__Goal of the exercise__.
Would you filter these records and copy every line that has the word "RefElevation"?

__Dataset content__.
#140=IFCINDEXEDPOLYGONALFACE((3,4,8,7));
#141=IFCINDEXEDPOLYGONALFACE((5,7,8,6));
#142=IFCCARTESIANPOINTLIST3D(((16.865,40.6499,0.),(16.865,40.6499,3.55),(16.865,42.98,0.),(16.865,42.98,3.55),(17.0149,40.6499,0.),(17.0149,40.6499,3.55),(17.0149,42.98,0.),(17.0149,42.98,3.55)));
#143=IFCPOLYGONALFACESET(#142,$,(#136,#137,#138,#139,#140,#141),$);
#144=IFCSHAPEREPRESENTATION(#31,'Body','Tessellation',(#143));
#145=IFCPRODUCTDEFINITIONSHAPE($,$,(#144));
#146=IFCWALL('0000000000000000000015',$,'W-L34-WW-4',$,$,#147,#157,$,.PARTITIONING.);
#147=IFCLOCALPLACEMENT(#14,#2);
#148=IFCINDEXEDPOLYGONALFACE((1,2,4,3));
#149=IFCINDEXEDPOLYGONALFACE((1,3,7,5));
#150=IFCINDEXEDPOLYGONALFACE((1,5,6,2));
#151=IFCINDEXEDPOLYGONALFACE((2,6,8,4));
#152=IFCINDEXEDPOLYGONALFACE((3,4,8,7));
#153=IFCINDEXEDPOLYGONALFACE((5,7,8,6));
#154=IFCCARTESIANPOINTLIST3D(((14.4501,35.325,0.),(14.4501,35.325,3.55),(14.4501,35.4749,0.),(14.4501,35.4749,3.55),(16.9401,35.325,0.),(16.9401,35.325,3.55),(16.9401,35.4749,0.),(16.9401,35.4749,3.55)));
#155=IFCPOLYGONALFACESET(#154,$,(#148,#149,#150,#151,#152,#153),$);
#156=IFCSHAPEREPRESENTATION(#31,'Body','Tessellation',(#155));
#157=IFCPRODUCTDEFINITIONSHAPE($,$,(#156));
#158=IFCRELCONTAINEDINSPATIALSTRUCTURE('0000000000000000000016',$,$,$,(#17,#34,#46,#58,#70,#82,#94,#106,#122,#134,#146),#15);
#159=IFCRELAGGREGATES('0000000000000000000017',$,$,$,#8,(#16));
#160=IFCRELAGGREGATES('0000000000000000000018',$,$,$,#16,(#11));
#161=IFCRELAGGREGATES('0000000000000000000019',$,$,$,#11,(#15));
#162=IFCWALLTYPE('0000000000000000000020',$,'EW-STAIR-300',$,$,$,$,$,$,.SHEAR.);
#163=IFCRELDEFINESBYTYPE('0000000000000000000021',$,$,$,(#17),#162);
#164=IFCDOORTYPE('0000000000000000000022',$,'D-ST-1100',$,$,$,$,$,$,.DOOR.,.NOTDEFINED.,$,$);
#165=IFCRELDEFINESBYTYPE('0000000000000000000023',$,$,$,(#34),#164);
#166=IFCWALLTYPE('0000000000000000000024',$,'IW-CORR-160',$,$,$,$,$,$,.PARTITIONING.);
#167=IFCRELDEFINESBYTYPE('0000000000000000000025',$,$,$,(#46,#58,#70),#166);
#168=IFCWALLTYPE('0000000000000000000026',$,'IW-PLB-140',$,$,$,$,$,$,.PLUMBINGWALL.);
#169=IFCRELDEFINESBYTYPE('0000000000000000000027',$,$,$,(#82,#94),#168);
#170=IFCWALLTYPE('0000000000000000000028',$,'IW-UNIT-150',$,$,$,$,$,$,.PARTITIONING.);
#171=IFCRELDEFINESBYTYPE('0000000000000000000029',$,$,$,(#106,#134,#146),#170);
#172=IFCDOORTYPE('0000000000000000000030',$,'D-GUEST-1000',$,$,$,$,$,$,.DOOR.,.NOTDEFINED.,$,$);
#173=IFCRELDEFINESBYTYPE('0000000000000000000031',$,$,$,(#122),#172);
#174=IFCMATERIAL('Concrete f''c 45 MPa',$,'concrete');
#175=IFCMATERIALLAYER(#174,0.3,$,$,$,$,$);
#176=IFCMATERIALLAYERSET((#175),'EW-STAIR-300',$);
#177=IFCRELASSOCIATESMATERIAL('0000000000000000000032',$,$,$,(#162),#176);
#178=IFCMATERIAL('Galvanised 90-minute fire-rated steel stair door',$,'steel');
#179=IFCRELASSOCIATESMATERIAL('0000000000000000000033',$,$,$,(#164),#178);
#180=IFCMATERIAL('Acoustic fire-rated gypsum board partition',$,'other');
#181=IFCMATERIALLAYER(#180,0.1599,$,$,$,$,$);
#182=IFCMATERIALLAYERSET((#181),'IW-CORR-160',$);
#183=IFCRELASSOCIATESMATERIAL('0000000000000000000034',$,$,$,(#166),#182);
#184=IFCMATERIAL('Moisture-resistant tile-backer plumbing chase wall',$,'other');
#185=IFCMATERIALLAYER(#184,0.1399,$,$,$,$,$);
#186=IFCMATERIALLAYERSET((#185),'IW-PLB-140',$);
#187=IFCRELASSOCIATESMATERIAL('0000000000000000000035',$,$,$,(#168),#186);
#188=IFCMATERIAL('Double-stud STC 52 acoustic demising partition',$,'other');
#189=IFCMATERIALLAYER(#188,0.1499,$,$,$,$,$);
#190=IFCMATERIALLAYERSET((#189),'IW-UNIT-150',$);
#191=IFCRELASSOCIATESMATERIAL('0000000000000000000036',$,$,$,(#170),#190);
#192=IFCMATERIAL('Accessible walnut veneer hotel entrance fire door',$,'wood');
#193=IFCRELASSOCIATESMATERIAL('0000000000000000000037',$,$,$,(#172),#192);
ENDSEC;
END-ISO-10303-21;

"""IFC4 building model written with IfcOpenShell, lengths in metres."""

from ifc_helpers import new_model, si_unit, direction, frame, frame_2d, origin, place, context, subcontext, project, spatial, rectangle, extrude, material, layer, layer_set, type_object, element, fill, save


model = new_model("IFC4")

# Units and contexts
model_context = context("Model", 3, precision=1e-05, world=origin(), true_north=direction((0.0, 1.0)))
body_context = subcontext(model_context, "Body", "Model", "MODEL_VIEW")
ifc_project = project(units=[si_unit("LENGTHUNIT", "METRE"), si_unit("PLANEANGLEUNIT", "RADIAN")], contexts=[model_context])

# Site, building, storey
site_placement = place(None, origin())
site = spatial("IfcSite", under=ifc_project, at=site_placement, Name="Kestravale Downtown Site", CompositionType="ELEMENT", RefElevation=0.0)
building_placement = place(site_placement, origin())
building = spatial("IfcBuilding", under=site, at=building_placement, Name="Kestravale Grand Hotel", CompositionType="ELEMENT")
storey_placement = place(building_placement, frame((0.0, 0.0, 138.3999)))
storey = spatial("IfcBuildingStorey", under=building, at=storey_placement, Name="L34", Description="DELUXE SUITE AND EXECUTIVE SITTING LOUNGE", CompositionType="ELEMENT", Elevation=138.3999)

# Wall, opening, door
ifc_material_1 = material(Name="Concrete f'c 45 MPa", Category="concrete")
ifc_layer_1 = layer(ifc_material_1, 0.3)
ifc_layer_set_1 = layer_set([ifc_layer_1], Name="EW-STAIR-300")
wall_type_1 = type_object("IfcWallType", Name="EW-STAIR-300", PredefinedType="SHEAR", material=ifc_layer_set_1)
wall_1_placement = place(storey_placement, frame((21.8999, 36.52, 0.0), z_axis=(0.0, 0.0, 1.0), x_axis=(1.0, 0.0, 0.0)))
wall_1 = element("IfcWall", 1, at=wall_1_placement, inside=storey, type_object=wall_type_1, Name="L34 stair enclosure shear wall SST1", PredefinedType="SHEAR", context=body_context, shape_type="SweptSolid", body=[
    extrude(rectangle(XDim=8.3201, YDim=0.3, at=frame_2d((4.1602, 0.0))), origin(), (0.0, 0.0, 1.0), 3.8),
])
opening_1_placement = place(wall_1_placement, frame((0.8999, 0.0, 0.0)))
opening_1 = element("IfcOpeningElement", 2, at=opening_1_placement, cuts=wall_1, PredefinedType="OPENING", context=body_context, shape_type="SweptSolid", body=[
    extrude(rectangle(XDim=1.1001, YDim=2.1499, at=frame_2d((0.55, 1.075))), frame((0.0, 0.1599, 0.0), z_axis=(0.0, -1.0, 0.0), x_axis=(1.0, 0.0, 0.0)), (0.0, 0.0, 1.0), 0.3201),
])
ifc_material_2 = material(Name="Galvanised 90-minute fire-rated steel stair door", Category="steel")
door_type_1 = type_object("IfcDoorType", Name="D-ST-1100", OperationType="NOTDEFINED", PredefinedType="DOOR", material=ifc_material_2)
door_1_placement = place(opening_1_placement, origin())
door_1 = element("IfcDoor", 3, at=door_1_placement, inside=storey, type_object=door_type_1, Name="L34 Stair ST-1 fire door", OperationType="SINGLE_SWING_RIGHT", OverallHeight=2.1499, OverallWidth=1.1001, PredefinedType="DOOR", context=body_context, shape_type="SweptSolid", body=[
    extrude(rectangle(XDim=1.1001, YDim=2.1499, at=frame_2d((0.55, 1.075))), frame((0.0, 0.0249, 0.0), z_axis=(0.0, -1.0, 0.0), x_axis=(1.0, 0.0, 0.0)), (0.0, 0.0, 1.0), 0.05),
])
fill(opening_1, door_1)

--

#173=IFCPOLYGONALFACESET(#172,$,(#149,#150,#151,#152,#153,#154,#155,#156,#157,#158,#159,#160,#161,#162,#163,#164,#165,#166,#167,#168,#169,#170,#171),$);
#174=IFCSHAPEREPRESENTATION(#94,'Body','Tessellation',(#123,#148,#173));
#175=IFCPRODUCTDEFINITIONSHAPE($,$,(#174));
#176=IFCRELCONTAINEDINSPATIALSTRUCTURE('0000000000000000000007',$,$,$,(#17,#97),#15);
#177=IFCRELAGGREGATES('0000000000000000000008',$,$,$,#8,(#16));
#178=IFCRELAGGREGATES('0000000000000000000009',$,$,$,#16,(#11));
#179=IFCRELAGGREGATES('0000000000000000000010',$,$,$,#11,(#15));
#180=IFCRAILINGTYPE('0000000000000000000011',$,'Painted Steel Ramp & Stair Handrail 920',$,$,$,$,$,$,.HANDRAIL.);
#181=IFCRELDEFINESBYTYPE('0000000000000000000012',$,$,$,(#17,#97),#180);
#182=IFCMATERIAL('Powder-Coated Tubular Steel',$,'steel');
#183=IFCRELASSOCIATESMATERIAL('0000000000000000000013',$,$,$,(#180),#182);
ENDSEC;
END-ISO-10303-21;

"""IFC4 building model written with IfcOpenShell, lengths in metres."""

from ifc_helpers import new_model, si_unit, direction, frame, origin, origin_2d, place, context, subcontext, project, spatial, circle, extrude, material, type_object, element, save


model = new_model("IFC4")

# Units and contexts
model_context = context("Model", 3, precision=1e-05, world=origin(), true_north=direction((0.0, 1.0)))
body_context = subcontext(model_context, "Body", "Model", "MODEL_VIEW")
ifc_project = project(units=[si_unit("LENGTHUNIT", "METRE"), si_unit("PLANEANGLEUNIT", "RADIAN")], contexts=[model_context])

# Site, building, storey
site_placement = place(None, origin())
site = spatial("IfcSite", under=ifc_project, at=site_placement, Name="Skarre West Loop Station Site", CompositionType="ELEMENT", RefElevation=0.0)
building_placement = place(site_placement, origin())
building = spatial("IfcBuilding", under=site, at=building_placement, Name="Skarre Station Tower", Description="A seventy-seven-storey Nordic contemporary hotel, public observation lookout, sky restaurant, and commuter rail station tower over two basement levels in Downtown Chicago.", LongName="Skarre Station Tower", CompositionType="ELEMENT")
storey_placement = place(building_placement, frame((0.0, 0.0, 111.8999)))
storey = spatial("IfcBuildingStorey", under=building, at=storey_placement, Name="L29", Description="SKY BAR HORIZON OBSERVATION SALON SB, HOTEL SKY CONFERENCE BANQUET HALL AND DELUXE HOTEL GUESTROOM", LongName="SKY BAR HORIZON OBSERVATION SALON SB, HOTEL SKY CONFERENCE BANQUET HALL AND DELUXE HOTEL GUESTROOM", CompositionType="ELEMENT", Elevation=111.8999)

* * *

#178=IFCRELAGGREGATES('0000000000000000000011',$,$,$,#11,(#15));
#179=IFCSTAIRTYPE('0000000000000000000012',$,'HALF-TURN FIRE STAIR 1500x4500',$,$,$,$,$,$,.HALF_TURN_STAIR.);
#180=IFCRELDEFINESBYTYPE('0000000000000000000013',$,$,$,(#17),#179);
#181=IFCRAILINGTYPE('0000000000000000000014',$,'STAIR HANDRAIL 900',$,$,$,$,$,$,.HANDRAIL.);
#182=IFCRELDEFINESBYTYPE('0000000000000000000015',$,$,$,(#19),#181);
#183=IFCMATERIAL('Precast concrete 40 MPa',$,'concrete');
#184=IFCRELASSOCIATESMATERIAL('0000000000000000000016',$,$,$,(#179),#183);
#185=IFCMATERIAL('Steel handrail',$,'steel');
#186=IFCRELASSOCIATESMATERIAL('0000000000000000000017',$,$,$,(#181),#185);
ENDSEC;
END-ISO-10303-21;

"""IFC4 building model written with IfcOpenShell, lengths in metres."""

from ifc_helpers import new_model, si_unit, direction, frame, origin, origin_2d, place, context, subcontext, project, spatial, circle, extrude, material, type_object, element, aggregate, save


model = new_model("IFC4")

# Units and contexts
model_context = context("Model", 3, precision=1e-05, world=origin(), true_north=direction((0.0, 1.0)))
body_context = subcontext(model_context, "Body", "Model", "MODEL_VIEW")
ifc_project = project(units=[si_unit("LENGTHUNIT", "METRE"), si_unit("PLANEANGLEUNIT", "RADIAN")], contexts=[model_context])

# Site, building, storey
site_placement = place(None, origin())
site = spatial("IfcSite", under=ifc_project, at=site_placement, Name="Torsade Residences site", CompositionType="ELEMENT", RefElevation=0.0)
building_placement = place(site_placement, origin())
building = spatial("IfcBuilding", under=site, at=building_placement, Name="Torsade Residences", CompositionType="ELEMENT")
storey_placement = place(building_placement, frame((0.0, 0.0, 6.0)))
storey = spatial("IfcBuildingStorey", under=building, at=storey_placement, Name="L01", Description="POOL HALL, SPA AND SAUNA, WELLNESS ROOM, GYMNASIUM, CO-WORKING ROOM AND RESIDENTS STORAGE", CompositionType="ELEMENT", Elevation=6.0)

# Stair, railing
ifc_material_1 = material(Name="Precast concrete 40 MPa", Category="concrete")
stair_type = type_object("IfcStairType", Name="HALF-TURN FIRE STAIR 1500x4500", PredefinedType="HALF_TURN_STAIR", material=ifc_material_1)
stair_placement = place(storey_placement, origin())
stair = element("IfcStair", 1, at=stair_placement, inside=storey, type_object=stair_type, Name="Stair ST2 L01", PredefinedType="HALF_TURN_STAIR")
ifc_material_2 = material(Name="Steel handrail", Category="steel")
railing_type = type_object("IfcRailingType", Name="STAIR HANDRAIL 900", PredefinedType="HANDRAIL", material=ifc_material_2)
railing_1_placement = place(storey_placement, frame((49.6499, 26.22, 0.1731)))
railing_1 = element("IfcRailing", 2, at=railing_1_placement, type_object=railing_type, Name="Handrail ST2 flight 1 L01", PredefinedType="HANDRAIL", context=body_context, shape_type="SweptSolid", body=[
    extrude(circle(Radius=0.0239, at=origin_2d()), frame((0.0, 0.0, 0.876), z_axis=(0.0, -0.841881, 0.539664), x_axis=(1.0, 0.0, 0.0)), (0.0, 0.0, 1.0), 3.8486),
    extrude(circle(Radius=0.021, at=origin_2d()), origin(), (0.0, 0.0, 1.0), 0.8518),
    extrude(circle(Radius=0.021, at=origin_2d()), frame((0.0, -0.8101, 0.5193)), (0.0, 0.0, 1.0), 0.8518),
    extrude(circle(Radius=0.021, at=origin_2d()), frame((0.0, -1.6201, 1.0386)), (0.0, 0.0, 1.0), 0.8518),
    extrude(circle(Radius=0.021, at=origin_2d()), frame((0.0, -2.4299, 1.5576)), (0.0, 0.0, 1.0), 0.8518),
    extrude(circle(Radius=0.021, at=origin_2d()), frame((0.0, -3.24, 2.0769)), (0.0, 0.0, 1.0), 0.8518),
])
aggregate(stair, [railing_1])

__Solution to this task__.
site = spatial("IfcSite", under=ifc_project, at=site_placement, Name="Kestravale Downtown Site", CompositionType="ELEMENT", RefElevation=0.0)
site = spatial("IfcSite", under=ifc_project, at=site_placement, Name="Skarre West Loop Station Site", CompositionType="ELEMENT", RefElevation=0.0)
site = spatial("IfcSite", under=ifc_project, at=site_placement, Name="Torsade Residences site", CompositionType="ELEMENT", RefElevation=0.0)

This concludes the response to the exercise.